> _INSTRUCTIONS FOR THE TASK_: From the entries, copy each line that includes "IFCRELASSOCIATESMATERIAL".
•••••
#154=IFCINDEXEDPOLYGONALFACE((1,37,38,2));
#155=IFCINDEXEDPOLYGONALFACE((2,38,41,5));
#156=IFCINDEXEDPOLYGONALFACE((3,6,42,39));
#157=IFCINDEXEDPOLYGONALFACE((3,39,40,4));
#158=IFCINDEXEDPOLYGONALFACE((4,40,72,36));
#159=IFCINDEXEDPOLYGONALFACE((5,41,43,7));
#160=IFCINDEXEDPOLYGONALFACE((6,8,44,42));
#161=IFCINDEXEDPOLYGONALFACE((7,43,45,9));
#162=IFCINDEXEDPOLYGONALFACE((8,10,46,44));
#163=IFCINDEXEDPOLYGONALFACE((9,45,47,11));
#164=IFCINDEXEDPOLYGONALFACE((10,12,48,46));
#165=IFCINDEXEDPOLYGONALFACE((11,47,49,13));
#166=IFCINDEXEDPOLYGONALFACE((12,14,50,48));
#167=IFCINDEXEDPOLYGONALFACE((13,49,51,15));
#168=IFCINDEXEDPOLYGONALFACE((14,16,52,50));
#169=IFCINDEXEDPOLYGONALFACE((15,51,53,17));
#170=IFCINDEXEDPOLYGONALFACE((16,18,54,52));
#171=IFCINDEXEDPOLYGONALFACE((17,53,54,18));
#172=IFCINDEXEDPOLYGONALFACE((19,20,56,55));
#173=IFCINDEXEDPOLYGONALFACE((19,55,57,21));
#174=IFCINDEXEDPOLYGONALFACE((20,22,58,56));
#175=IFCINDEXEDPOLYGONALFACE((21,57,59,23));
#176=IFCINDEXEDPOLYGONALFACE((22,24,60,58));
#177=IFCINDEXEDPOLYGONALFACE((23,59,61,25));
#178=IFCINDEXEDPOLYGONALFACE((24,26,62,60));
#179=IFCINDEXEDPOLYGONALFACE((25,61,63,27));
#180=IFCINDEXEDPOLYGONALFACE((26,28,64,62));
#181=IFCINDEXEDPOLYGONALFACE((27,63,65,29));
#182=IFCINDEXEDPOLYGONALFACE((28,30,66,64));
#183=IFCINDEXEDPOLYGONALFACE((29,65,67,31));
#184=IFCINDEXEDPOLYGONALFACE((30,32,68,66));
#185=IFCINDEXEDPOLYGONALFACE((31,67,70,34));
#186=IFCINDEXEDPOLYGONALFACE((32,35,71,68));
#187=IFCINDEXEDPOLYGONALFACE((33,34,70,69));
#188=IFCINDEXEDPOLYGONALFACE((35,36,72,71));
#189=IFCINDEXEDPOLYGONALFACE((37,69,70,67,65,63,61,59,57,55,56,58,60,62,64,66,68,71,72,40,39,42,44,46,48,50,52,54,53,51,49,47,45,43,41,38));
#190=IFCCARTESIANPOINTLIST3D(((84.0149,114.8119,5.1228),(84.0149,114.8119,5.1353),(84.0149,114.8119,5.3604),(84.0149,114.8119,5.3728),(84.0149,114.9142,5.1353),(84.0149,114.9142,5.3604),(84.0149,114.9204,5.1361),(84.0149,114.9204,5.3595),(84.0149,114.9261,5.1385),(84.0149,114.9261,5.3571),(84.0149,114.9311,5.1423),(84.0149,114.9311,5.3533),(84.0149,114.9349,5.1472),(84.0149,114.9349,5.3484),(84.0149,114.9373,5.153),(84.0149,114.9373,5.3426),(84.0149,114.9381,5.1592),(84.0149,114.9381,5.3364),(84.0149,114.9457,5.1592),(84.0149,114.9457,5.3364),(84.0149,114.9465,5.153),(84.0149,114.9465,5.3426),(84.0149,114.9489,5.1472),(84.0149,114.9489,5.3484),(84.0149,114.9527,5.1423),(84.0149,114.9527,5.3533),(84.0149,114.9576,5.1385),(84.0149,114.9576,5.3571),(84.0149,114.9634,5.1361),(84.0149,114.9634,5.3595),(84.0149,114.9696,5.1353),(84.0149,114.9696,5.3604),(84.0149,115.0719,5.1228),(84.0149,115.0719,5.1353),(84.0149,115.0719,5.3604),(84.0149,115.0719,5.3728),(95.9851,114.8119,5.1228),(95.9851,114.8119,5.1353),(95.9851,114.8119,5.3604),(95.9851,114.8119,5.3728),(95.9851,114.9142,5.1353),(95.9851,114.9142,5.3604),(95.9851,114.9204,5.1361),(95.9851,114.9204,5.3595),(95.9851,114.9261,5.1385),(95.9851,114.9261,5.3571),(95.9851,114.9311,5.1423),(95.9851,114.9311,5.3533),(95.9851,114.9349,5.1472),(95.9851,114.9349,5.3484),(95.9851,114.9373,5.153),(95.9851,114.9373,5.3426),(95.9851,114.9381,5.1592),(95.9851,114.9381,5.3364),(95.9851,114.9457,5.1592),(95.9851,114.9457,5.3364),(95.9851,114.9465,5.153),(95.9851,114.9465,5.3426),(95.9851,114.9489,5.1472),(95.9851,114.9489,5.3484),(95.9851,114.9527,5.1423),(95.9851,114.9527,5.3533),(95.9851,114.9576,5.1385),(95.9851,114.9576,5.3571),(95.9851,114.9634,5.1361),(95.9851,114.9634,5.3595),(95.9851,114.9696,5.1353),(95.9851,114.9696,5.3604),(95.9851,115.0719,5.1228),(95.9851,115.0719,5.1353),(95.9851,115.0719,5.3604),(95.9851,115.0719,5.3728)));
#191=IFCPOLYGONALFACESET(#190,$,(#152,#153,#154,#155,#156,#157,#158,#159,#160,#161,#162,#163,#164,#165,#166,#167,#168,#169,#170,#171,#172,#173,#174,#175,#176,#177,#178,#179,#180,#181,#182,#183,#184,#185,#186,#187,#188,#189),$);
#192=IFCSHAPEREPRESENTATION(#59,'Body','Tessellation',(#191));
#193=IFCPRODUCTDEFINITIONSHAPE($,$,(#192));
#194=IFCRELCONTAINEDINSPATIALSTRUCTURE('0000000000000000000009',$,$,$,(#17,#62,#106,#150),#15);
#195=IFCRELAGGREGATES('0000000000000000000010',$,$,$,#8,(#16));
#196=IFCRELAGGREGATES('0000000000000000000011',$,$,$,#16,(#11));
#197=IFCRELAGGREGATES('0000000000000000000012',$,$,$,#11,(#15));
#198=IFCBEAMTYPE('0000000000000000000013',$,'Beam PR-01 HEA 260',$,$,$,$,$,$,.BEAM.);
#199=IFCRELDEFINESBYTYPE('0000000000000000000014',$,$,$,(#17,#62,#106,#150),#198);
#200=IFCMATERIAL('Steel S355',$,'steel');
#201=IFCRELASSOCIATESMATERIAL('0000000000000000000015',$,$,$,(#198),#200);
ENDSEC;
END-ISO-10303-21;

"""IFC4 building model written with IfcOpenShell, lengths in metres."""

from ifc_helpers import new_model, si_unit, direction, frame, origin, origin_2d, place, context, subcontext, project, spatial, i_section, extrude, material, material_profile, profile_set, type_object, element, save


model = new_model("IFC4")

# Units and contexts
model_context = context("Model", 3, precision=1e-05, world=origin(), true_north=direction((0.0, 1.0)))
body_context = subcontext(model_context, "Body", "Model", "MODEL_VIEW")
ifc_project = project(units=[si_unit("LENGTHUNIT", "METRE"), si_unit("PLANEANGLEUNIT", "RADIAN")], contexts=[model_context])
•••••
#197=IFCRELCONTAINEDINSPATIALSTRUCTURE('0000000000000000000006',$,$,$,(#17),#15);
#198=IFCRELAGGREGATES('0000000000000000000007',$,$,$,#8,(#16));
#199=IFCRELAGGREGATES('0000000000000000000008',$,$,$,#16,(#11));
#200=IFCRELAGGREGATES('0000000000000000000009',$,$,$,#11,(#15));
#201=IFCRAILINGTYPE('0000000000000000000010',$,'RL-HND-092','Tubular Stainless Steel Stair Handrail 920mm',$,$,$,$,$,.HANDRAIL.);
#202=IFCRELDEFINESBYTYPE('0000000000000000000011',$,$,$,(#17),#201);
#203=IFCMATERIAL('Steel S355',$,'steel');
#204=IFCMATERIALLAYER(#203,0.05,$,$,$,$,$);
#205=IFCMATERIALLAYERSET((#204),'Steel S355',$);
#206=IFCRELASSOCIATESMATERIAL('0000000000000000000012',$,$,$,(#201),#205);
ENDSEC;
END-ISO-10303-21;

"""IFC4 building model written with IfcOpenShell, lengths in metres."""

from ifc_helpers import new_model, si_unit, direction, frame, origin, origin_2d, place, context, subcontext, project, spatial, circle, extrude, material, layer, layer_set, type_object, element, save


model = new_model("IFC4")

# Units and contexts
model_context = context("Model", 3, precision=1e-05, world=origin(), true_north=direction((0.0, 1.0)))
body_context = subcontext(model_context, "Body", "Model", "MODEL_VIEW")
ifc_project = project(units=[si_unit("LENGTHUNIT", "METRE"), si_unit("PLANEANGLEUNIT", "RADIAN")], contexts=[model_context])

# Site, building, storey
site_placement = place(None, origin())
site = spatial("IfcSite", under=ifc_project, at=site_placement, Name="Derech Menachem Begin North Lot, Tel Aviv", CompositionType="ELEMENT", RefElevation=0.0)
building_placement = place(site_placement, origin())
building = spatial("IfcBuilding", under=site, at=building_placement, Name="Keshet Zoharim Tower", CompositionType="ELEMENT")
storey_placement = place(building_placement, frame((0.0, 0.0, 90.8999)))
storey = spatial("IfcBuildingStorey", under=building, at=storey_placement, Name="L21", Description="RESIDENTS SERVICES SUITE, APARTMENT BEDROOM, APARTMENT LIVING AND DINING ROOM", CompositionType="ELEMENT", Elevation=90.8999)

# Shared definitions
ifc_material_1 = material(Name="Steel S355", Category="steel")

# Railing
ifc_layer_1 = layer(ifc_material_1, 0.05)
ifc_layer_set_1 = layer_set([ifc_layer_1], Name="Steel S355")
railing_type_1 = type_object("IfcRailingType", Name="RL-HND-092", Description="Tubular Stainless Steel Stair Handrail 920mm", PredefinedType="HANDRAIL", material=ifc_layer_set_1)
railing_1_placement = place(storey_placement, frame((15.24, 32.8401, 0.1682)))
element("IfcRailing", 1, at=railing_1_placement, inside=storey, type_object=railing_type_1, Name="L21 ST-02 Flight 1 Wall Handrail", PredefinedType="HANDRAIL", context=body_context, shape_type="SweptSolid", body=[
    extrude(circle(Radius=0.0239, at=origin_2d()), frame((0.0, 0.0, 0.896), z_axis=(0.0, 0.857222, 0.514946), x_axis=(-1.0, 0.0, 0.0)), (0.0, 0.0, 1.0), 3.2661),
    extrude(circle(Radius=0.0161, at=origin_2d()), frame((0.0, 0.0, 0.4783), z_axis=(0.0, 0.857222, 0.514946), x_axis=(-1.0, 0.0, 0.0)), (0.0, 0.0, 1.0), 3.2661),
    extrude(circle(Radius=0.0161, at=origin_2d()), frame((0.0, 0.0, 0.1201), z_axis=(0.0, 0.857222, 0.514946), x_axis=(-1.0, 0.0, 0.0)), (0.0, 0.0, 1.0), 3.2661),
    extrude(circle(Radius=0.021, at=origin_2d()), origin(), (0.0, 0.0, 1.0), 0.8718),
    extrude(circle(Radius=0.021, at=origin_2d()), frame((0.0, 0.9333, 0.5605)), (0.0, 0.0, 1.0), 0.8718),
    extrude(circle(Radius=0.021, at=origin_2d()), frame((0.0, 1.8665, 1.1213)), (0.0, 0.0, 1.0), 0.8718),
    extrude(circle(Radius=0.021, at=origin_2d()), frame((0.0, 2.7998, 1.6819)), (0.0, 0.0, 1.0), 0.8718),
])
•••••
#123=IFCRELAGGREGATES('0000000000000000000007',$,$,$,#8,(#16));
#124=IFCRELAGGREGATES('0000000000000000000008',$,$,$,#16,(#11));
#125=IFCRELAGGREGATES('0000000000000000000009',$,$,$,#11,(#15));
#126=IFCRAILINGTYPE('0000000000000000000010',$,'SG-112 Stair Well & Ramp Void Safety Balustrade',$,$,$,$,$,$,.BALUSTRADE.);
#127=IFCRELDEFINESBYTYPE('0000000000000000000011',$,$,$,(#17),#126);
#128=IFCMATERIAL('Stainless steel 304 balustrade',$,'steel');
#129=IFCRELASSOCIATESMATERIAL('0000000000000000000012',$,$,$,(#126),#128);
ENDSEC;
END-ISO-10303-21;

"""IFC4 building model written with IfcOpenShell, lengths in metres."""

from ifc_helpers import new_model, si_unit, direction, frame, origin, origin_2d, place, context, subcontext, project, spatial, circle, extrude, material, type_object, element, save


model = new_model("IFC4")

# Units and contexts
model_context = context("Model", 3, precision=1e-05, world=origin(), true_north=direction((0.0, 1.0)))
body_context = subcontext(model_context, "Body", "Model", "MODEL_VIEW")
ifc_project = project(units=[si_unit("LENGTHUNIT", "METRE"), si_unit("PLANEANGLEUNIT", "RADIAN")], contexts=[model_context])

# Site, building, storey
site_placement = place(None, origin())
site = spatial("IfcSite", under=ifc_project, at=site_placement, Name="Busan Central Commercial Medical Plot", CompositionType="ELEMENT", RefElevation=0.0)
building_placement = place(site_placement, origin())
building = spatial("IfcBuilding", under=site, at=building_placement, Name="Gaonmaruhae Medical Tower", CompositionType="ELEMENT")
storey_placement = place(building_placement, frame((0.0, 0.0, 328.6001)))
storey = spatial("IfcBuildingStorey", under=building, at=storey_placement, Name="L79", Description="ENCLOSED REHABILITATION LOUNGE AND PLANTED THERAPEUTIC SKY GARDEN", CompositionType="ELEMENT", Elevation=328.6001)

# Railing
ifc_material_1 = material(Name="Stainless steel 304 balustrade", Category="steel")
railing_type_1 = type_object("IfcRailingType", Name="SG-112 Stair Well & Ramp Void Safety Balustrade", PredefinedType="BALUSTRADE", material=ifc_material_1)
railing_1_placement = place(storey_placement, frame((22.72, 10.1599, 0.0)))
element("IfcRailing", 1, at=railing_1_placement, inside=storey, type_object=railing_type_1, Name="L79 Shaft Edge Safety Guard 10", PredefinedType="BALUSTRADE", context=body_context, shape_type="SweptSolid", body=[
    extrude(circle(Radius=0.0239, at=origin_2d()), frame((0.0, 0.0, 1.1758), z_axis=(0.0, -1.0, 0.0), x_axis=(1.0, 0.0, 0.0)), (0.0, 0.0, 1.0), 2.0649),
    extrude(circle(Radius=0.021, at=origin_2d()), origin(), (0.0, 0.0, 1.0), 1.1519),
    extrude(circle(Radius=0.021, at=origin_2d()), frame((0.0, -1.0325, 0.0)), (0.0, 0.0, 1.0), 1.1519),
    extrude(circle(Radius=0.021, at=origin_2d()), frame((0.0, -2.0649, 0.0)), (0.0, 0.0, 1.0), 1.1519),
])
•••••
> _RESULT FOR THIS TASK_:
#201=IFCRELASSOCIATESMATERIAL('0000000000000000000015',$,$,$,(#198),#200);
#206=IFCRELASSOCIATESMATERIAL('0000000000000000000012',$,$,$,(#201),#205);
#129=IFCRELASSOCIATESMATERIAL('0000000000000000000012',$,$,$,(#126),#128);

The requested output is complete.